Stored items
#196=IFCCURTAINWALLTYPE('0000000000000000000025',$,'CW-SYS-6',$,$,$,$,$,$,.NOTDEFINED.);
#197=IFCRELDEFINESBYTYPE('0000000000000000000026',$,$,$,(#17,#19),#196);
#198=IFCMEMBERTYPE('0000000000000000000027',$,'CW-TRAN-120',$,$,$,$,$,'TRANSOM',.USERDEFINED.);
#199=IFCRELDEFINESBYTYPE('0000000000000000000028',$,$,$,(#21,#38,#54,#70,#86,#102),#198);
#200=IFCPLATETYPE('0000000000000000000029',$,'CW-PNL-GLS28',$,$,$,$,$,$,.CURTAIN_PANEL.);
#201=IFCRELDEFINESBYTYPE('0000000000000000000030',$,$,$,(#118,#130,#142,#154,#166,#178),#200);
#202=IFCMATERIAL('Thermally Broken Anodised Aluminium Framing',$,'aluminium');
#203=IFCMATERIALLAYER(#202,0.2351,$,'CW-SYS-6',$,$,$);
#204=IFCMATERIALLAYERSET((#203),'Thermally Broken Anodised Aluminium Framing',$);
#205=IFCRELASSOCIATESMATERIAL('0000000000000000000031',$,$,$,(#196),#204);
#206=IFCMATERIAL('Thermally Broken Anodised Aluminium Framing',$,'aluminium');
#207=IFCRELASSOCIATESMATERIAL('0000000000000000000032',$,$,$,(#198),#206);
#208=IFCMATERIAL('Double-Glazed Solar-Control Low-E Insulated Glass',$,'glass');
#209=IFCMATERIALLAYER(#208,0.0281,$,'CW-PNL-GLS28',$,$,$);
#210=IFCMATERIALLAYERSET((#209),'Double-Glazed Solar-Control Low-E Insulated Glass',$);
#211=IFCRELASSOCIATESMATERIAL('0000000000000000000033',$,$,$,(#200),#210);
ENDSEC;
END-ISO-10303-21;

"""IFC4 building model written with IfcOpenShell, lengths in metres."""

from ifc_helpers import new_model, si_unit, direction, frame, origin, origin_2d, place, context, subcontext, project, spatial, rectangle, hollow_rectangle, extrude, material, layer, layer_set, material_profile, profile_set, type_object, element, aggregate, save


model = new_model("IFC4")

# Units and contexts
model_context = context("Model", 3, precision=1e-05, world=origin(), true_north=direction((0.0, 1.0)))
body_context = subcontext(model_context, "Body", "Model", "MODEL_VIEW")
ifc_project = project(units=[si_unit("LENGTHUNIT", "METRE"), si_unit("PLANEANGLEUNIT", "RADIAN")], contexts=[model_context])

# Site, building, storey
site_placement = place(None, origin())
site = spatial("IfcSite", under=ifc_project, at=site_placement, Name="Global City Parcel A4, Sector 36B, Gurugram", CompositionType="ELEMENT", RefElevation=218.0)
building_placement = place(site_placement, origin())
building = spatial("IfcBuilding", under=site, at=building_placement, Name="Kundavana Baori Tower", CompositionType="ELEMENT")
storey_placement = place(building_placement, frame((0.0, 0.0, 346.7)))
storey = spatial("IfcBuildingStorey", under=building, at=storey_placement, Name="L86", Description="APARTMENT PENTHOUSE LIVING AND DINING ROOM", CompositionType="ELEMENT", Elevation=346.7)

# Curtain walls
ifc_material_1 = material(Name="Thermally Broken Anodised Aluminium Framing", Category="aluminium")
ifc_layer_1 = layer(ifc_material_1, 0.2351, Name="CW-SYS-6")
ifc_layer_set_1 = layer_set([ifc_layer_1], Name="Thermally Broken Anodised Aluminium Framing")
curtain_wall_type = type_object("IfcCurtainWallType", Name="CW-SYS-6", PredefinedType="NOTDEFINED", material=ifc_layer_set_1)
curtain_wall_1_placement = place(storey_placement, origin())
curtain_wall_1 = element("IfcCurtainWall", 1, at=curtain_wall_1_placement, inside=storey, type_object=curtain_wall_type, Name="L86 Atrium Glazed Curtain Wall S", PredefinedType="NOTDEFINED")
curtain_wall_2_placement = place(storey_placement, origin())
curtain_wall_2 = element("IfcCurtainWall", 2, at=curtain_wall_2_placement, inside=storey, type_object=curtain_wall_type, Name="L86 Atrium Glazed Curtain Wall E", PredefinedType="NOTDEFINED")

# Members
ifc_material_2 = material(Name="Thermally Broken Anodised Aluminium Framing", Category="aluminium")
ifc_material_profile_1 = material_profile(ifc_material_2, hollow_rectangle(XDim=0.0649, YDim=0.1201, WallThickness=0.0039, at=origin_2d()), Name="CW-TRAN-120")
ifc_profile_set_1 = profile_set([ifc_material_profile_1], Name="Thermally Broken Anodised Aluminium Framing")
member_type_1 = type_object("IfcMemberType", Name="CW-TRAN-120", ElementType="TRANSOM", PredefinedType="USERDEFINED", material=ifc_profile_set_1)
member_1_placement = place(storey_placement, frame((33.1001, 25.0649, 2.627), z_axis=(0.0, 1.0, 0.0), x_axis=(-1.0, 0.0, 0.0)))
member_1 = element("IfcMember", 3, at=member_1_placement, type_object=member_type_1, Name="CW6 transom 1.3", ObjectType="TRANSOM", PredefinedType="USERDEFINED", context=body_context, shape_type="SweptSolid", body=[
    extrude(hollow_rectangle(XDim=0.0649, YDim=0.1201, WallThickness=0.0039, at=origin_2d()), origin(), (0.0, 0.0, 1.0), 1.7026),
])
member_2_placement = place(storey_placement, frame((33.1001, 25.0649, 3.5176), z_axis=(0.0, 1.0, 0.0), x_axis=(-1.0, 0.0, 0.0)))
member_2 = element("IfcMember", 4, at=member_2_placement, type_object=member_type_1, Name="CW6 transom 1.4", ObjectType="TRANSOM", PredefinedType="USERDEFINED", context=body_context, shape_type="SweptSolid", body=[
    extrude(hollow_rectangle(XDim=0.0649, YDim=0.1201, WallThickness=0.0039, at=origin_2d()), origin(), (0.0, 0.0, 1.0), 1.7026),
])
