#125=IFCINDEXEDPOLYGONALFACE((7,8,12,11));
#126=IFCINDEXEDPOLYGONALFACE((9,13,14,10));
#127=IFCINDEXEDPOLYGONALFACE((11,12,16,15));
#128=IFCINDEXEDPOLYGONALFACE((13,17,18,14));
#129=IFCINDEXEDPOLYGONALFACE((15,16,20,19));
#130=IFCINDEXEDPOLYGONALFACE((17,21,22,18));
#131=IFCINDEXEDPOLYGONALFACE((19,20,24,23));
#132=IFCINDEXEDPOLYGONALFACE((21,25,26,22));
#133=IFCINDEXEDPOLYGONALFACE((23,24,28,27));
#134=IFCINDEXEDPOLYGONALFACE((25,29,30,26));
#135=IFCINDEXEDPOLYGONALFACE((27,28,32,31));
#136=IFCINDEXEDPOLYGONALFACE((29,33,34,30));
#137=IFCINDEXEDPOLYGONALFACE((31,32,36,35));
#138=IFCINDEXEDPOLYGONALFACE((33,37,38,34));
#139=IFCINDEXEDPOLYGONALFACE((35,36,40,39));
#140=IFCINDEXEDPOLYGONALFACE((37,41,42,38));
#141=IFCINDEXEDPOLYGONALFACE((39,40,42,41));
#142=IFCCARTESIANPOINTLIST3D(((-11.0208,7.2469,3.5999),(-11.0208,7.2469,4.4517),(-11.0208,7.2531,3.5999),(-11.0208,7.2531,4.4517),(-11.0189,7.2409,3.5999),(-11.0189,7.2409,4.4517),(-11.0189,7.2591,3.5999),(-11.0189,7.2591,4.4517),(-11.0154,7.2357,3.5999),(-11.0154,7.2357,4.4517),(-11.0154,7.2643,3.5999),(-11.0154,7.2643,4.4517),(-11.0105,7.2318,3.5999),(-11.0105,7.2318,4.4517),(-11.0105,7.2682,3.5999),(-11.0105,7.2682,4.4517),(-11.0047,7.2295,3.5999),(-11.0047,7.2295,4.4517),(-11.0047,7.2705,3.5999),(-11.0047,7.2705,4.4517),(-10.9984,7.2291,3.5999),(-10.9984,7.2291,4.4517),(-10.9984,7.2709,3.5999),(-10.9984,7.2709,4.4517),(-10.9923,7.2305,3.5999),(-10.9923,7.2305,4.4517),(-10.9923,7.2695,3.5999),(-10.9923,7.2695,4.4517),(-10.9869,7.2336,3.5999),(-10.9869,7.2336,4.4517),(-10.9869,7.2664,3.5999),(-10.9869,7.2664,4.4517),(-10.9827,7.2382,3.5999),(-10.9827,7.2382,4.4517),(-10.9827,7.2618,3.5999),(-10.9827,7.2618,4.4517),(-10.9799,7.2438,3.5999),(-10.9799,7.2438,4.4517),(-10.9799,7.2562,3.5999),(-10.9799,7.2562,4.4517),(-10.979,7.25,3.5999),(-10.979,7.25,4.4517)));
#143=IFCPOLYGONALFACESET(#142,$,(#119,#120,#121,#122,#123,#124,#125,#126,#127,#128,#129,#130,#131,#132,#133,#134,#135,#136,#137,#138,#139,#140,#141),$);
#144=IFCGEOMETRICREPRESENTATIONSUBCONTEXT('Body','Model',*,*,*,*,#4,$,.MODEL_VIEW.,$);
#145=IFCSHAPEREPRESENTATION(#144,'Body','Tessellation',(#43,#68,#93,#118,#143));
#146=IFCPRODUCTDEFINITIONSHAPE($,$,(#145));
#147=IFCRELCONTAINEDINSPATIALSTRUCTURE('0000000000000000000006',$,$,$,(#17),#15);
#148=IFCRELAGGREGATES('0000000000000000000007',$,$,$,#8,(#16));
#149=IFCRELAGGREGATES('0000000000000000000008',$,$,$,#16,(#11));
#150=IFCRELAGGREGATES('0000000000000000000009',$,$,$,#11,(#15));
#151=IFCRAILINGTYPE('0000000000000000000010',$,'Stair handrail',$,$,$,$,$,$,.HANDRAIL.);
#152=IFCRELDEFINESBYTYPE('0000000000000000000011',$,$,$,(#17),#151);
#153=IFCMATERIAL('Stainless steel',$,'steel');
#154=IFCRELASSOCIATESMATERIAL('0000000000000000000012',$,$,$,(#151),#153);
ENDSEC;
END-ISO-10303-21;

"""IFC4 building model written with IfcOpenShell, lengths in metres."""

> Assigned task:
Take exactly the lines from the one containing "#137=IFCINDEXEDPOLYGONALFACE((31,32,36,35));" through the one containing "#141=IFCINDEXEDPOLYGONALFACE((39,40,42,41));" in the data above, and output them with nothing added.

> Response:
#137=IFCINDEXEDPOLYGONALFACE((31,32,36,35));
#138=IFCINDEXEDPOLYGONALFACE((33,37,38,34));
#139=IFCINDEXEDPOLYGONALFACE((35,36,40,39));
#140=IFCINDEXEDPOLYGONALFACE((37,41,42,38));
#141=IFCINDEXEDPOLYGONALFACE((39,40,42,41));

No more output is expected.